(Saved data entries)

-- Opening Marker --

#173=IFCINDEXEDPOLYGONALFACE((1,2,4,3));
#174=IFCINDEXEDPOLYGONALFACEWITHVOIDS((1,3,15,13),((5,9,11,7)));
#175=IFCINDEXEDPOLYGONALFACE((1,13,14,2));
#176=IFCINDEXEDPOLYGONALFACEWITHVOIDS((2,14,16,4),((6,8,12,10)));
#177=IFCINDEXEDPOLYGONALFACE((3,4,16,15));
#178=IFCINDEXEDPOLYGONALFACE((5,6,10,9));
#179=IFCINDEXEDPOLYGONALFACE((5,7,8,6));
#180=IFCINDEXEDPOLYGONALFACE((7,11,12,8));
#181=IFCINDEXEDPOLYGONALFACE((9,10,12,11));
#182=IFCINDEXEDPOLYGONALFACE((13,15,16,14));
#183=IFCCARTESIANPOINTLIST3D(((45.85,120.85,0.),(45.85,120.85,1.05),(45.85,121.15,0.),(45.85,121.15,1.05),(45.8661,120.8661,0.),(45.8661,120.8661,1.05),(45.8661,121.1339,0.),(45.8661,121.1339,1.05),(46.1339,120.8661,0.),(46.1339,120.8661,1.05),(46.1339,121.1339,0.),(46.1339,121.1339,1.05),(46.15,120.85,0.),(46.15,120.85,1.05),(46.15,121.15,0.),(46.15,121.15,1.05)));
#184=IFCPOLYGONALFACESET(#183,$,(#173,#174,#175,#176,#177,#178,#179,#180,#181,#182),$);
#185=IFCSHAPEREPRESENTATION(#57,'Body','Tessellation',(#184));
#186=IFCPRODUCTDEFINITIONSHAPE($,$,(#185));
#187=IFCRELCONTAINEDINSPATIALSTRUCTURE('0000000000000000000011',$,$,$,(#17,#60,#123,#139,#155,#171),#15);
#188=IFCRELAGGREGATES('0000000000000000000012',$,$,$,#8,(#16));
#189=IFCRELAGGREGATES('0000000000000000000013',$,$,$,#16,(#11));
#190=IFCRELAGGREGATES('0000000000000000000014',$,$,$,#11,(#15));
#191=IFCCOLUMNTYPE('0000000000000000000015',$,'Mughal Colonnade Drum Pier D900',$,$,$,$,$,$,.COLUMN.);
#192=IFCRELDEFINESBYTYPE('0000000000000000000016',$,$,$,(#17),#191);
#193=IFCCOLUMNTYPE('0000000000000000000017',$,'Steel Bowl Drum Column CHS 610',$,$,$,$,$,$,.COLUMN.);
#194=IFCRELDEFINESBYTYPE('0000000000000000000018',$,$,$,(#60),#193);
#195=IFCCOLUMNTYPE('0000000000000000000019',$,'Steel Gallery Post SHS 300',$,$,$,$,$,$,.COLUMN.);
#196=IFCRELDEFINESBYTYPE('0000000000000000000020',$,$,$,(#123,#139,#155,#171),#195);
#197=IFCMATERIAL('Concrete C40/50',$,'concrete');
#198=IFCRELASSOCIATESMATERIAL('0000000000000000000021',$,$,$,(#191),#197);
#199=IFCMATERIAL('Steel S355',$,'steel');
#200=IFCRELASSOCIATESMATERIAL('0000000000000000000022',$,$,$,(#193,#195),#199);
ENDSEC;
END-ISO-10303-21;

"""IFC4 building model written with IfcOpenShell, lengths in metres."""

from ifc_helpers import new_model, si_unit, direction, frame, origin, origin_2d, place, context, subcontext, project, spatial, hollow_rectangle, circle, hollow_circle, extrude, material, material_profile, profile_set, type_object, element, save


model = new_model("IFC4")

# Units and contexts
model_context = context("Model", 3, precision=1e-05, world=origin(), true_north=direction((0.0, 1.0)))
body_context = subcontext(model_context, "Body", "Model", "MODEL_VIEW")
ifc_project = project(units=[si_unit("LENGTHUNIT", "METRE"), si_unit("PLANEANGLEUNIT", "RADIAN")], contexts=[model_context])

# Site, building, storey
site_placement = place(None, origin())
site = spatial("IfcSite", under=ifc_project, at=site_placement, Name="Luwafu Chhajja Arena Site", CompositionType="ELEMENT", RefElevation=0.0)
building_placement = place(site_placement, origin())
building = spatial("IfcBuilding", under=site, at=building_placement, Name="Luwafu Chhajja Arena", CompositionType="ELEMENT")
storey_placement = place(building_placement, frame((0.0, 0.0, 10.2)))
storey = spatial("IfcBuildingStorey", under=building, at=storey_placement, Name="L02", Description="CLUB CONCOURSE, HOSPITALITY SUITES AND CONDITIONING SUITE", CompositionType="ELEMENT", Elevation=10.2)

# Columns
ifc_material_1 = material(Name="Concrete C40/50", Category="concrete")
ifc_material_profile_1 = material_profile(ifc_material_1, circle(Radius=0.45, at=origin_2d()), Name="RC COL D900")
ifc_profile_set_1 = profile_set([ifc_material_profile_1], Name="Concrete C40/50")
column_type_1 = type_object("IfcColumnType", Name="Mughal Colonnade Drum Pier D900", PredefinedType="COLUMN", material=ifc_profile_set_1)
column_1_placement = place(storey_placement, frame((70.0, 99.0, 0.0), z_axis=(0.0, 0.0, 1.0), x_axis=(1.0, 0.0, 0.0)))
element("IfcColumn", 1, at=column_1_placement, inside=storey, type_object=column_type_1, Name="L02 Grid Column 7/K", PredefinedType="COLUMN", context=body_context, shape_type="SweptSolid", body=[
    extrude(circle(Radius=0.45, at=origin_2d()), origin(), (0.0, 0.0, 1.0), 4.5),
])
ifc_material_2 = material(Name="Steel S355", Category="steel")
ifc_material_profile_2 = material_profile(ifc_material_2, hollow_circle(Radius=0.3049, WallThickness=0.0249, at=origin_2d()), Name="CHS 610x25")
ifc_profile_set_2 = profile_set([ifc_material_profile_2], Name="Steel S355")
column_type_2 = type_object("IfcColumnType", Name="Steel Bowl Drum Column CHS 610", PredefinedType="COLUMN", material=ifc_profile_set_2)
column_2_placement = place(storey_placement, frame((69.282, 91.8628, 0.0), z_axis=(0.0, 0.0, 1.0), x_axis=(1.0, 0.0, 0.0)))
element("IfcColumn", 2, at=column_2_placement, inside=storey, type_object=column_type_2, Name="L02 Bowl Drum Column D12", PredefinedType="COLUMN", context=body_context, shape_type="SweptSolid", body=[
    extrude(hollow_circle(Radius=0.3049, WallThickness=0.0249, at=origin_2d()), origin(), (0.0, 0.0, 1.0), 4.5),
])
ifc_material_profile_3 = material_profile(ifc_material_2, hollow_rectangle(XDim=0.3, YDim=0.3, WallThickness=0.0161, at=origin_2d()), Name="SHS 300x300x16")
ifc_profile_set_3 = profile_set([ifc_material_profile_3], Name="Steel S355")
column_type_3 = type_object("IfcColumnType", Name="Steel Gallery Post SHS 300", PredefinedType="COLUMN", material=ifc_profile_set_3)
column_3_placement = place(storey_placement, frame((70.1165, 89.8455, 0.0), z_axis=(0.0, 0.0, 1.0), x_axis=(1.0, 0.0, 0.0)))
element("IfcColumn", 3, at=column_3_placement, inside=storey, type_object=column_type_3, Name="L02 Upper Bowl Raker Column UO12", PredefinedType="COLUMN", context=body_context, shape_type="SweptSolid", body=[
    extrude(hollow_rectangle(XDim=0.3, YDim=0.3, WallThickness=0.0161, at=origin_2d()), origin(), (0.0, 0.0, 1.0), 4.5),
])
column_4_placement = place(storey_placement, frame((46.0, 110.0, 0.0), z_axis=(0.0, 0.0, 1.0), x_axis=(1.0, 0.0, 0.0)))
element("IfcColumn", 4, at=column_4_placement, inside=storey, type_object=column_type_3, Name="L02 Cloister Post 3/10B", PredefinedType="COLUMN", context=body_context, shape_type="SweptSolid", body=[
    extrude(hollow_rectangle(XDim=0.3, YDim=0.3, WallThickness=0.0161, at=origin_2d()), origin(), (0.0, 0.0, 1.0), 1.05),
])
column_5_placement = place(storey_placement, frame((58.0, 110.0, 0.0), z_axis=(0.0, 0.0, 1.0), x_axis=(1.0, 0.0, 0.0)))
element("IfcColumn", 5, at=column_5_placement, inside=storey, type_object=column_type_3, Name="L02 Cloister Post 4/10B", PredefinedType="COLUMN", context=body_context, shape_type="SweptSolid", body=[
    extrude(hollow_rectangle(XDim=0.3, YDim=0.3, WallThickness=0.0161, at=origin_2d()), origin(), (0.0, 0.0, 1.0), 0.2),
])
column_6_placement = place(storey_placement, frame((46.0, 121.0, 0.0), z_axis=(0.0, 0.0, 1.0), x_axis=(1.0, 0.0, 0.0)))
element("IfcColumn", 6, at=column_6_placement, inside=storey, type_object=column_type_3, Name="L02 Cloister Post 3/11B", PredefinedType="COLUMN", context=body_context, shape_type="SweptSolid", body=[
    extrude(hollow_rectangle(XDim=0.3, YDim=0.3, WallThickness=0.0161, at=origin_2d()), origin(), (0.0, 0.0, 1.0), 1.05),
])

-- Closing Marker --

Check each line of the data above for the word "XDim" and state how many lines contain it, with no other text.

5